**Exercise instructions**
When you reach the line with "#180=IFCINDEXEDPOLYGONALFACE((49,53,55,51));" in the data below, begin printing lines exactly, and stop once the line with "#187=IFCINDEXEDPOLYGONALFACE((62,64,71,67));" has been printed.
START Data extract
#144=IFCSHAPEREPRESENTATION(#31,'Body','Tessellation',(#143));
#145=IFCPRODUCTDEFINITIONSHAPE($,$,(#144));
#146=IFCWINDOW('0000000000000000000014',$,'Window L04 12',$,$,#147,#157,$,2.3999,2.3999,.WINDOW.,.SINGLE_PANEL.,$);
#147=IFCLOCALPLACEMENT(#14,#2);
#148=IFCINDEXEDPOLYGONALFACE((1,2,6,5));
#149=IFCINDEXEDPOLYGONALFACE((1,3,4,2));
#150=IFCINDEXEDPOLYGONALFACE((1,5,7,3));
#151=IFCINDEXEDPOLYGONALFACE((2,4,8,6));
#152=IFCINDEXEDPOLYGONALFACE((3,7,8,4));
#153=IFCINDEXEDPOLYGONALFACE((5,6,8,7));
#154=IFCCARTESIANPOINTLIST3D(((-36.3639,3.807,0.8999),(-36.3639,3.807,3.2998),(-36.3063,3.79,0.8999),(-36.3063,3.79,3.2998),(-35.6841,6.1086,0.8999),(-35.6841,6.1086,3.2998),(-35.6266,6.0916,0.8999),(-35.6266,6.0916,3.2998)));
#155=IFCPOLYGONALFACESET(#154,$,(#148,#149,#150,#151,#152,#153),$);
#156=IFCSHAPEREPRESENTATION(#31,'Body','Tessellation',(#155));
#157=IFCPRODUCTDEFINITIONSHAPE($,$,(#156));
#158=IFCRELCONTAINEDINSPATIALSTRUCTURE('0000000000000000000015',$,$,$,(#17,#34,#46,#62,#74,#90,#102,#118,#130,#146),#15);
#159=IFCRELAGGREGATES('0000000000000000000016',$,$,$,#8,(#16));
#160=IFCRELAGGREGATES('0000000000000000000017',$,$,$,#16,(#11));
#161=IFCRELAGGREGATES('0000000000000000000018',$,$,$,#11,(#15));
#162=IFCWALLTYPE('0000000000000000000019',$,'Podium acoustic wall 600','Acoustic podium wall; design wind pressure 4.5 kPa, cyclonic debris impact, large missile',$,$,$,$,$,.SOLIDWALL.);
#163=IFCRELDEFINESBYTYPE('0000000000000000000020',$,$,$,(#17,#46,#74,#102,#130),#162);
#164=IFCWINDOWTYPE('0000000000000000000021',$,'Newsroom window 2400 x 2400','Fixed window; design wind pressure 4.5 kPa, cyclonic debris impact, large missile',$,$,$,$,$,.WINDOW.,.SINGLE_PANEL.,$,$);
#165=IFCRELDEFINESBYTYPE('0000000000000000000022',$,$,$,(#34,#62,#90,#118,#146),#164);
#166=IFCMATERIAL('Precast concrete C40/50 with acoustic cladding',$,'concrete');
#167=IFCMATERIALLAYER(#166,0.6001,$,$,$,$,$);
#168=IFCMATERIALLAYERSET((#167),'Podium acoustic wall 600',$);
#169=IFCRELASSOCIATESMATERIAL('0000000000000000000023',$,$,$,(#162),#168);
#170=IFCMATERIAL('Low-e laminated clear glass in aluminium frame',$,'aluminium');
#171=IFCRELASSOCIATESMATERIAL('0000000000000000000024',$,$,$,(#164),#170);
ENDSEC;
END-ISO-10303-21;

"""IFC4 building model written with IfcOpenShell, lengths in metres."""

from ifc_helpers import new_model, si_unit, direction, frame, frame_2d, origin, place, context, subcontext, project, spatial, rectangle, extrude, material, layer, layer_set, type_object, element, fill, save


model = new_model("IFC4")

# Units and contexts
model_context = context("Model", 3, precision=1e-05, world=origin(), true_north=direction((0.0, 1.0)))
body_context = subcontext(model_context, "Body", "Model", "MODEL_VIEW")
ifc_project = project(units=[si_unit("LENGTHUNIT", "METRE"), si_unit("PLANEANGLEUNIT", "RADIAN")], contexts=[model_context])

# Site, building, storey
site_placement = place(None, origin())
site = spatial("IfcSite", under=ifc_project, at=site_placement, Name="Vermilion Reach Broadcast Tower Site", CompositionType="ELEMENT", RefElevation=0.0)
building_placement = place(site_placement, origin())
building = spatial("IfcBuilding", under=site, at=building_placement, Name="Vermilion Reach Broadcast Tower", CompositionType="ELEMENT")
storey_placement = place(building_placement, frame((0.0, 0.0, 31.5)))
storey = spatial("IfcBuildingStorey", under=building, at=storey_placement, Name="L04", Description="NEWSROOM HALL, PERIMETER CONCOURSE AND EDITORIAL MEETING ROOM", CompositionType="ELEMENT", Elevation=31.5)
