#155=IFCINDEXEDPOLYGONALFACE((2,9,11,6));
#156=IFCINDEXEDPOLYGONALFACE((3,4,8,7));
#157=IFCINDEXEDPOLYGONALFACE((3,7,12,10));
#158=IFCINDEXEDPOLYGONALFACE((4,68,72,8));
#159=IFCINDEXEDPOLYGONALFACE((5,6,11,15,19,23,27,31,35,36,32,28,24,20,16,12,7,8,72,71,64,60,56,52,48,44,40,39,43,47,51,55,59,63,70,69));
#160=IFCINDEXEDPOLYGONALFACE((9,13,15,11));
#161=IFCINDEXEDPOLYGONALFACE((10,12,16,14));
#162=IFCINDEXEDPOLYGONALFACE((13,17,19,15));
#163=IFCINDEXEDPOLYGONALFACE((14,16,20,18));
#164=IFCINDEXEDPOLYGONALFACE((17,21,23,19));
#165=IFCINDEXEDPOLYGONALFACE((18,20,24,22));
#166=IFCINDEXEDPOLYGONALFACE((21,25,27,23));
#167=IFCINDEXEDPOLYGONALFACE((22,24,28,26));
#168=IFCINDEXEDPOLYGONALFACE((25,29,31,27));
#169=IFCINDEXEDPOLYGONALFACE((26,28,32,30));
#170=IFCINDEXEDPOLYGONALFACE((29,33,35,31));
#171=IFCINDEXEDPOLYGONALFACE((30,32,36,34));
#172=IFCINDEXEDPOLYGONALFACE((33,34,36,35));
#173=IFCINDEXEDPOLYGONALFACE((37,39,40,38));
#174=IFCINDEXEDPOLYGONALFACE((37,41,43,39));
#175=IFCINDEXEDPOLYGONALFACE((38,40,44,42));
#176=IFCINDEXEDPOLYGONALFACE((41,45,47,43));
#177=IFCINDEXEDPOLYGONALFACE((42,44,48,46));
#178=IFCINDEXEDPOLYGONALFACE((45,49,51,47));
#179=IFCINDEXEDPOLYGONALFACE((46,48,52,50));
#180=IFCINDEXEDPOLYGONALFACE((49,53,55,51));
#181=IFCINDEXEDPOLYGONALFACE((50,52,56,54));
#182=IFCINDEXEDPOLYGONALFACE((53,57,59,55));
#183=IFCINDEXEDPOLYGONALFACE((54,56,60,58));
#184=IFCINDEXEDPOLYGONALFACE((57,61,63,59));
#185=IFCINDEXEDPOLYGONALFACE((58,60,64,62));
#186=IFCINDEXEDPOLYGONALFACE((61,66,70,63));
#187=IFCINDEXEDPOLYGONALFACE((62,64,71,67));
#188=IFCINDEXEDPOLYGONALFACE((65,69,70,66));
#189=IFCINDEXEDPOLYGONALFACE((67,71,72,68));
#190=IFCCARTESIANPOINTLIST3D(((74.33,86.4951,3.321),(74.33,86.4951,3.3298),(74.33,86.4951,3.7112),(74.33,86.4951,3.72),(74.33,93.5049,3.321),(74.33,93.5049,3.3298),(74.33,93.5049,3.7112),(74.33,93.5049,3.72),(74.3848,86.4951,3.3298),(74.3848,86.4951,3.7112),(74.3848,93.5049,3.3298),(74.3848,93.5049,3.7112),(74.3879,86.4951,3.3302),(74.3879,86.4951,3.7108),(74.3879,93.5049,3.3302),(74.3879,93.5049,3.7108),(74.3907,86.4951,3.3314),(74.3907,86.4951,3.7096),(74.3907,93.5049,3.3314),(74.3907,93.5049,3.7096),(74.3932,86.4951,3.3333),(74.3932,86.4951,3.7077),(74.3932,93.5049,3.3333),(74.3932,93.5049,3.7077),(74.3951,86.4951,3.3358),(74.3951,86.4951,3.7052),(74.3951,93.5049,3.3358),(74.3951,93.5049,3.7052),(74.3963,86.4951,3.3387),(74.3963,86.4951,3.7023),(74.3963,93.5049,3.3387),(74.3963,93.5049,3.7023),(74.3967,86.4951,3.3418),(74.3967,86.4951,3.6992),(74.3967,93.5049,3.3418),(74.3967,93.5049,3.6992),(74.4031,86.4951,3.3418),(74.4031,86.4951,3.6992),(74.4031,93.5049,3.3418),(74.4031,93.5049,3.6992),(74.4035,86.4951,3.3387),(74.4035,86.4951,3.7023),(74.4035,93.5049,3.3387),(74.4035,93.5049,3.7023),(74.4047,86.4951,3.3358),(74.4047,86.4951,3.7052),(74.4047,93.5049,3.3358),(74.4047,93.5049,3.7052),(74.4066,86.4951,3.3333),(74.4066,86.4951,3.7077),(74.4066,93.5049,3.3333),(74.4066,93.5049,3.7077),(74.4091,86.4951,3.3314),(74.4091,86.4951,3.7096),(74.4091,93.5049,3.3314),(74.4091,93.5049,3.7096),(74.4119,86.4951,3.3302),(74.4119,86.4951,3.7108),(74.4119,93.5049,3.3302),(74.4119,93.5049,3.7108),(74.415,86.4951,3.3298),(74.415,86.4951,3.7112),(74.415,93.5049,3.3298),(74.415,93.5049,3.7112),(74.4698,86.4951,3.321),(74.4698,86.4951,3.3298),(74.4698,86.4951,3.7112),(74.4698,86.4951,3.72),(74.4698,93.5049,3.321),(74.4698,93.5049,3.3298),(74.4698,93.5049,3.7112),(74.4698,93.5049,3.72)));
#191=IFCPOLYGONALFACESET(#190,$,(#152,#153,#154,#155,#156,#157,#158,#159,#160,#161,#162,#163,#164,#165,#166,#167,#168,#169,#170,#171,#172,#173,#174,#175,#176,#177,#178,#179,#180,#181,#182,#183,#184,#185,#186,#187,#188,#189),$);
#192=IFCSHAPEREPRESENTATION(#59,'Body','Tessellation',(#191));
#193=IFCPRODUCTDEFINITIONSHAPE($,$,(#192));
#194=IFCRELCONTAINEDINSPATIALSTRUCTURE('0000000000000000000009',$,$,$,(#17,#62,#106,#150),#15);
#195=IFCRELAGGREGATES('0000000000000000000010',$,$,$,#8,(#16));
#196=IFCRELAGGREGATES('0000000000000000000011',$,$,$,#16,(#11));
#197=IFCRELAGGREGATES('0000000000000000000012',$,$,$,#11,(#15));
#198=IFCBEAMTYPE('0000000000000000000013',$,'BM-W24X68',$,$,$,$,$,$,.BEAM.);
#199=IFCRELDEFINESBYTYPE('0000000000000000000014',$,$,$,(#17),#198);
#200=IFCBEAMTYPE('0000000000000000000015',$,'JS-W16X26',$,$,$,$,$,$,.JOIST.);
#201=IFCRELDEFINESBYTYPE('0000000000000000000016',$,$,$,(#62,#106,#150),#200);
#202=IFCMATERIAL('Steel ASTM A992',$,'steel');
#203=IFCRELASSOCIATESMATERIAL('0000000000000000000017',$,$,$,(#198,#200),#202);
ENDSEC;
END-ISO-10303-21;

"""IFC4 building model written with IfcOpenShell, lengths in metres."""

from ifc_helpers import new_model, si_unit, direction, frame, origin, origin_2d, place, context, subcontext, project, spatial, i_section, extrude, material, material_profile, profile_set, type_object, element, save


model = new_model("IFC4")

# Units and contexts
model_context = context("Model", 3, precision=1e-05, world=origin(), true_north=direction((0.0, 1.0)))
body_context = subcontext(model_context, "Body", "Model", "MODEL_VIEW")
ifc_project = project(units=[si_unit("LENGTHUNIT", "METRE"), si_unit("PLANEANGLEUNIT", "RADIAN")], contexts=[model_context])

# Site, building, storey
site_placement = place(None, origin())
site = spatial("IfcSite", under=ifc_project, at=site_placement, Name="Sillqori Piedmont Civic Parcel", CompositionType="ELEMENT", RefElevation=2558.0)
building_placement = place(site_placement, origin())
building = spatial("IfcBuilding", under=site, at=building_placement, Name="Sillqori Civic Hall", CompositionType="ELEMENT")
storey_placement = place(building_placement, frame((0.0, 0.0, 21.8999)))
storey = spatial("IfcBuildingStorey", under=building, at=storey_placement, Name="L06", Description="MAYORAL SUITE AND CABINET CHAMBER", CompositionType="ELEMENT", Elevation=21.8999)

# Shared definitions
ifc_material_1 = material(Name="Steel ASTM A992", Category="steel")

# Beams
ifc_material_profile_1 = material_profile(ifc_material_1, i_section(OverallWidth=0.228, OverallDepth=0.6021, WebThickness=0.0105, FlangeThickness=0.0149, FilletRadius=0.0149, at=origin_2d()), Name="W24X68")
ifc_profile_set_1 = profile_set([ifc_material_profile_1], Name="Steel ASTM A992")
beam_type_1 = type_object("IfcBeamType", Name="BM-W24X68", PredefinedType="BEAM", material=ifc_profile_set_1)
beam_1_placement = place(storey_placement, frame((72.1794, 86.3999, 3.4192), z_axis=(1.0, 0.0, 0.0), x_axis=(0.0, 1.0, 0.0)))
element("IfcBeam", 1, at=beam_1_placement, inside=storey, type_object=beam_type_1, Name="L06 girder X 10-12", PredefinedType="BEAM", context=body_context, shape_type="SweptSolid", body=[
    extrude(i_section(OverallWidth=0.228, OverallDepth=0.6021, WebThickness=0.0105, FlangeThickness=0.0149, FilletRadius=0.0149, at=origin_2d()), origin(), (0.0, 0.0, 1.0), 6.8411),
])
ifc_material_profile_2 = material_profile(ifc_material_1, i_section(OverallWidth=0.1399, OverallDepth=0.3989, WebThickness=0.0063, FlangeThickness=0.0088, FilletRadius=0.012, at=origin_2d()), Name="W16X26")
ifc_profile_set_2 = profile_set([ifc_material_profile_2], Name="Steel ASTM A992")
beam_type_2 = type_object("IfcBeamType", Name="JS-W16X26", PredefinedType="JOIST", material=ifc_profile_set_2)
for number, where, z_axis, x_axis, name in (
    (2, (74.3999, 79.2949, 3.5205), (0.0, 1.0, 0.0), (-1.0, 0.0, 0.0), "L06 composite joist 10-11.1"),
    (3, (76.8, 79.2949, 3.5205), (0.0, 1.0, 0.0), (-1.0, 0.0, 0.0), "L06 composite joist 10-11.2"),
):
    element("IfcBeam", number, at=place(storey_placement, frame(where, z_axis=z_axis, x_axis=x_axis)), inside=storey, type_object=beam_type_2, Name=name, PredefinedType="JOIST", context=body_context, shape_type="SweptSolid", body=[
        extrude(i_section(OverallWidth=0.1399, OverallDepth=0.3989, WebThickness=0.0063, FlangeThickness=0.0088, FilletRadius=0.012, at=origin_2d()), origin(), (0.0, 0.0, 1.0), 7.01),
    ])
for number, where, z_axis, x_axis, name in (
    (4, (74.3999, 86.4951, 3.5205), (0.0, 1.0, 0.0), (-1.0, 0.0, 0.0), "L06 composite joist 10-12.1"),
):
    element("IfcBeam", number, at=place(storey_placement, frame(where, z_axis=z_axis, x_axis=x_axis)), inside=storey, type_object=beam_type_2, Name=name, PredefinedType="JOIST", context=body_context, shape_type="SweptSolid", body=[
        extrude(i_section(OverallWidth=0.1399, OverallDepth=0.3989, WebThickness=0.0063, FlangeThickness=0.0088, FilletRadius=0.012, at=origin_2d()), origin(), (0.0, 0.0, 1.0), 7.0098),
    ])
END Data extract
**Result for this task**
#180=IFCINDEXEDPOLYGONALFACE((49,53,55,51));
#181=IFCINDEXEDPOLYGONALFACE((50,52,56,54));
#182=IFCINDEXEDPOLYGONALFACE((53,57,59,55));
#183=IFCINDEXEDPOLYGONALFACE((54,56,60,58));
#184=IFCINDEXEDPOLYGONALFACE((57,61,63,59));
#185=IFCINDEXEDPOLYGONALFACE((58,60,64,62));
#186=IFCINDEXEDPOLYGONALFACE((61,66,70,63));
#187=IFCINDEXEDPOLYGONALFACE((62,64,71,67));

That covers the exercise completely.